Material shown:

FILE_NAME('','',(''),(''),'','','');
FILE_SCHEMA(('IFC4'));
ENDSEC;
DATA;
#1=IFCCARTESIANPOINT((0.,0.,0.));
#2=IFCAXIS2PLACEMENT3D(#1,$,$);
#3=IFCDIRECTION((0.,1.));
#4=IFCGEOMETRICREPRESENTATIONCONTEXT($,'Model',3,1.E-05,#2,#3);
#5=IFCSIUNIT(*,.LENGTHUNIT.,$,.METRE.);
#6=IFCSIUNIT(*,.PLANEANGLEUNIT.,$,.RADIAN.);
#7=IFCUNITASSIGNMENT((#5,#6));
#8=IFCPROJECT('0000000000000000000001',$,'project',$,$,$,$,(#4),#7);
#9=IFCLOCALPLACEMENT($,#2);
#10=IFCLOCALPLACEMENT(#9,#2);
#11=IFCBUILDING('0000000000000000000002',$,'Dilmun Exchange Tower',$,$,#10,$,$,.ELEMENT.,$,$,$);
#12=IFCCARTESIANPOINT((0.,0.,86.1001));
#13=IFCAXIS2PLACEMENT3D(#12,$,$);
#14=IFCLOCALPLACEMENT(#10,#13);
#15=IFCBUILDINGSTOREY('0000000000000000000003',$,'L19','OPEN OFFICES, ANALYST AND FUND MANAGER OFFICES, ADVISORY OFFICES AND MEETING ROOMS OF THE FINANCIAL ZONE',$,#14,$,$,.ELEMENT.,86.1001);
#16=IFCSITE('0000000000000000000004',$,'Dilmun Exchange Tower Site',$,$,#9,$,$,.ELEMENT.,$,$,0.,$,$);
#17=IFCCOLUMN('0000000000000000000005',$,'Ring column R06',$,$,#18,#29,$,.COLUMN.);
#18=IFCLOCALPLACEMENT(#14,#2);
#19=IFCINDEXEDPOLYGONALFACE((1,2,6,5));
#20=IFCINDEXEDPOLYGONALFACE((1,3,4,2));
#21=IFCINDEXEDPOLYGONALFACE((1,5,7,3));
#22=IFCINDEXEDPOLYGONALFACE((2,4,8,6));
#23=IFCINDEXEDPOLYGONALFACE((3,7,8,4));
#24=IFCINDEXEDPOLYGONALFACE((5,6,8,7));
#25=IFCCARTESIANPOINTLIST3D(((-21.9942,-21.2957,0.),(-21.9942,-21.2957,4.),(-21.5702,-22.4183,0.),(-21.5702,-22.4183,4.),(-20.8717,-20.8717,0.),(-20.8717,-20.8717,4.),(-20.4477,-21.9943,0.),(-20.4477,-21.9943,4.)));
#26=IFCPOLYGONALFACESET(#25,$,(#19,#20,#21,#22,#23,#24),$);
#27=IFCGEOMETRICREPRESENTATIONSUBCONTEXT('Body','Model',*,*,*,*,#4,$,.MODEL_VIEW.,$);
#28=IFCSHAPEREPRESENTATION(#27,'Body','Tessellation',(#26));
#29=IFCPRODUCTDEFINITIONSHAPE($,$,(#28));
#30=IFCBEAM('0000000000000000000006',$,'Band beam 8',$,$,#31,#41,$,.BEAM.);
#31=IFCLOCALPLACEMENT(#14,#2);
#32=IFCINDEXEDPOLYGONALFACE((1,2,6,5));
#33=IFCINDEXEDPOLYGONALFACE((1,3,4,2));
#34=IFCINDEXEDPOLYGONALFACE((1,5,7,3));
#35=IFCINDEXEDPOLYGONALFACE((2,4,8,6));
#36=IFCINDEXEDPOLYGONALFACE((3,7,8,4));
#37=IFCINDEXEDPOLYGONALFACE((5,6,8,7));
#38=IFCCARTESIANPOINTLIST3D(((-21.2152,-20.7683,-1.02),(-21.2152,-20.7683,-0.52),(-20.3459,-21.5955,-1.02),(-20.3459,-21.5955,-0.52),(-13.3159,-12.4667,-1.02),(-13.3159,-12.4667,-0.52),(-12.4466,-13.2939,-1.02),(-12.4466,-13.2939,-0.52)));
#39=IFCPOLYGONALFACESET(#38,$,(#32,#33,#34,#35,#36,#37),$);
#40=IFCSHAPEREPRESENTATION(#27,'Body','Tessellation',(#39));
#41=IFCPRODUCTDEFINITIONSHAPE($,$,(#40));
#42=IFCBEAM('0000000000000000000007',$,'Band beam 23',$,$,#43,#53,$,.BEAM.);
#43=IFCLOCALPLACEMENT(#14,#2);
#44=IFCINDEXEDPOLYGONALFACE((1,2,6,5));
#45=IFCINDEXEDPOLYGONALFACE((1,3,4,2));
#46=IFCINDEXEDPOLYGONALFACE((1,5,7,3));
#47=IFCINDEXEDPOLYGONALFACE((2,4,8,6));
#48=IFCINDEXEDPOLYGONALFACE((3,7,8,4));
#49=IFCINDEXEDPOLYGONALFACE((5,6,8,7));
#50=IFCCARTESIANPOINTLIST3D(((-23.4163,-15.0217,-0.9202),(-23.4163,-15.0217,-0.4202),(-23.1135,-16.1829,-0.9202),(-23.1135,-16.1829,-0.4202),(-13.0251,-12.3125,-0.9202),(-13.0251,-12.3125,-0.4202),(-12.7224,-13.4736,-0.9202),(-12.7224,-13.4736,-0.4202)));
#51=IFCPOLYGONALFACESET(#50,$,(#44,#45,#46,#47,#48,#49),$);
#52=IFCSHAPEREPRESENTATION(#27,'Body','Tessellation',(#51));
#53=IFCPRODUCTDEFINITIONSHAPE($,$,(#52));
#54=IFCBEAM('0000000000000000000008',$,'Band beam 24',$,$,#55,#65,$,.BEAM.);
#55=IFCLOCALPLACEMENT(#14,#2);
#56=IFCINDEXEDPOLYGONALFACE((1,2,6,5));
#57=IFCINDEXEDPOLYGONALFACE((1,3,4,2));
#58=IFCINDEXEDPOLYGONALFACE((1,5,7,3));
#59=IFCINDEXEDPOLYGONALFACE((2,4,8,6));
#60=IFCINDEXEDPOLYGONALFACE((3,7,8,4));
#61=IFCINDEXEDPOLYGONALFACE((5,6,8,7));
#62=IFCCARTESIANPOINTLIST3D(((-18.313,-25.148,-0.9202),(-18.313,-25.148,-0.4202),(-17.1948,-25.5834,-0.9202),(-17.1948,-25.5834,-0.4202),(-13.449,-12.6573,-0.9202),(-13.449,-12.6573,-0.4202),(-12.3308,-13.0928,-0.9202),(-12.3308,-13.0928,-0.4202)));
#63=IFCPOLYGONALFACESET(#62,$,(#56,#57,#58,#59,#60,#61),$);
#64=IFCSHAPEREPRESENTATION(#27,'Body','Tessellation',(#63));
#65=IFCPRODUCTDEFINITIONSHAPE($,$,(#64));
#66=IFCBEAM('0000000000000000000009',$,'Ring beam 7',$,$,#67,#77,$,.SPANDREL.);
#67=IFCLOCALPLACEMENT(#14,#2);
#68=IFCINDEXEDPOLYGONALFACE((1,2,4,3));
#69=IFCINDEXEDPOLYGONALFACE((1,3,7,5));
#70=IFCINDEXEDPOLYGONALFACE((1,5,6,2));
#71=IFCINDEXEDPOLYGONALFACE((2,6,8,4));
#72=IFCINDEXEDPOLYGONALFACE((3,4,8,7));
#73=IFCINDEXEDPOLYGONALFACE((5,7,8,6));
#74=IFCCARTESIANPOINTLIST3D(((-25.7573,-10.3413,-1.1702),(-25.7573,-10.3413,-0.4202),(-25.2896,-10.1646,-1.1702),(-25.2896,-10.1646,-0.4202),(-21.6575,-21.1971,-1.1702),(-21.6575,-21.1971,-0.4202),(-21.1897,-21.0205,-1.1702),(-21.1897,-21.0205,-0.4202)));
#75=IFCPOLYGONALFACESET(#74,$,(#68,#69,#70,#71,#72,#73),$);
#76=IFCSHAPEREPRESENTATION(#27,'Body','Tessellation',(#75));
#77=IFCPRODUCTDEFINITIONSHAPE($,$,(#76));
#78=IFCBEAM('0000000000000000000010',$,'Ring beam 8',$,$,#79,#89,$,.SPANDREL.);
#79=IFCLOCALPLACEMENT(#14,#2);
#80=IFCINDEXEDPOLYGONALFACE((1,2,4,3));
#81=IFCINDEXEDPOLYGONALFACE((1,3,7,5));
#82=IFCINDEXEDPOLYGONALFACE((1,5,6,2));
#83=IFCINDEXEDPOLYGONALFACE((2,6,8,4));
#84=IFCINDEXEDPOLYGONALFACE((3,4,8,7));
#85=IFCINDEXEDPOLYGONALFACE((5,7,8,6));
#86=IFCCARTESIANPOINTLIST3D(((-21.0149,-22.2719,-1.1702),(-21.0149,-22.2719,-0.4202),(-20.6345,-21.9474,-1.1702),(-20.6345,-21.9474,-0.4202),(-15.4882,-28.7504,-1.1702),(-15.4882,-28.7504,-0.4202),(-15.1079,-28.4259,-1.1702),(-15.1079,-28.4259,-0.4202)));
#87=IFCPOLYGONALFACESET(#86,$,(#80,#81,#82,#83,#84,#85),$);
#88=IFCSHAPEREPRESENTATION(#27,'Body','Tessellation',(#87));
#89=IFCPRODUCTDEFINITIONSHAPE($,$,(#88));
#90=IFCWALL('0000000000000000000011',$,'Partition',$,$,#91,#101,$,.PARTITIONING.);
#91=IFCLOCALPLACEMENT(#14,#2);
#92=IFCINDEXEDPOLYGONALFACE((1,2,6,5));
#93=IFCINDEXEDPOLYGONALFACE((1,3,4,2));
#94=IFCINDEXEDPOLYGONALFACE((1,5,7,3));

What needs to be done:
Every line with "Ring" in it should be copied from the entries.

Answer below:
#17=IFCCOLUMN('0000000000000000000005',$,'Ring column R06',$,$,#18,#29,$,.COLUMN.);
#66=IFCBEAM('0000000000000000000009',$,'Ring beam 7',$,$,#67,#77,$,.SPANDREL.);
#78=IFCBEAM('0000000000000000000010',$,'Ring beam 8',$,$,#79,#89,$,.SPANDREL.);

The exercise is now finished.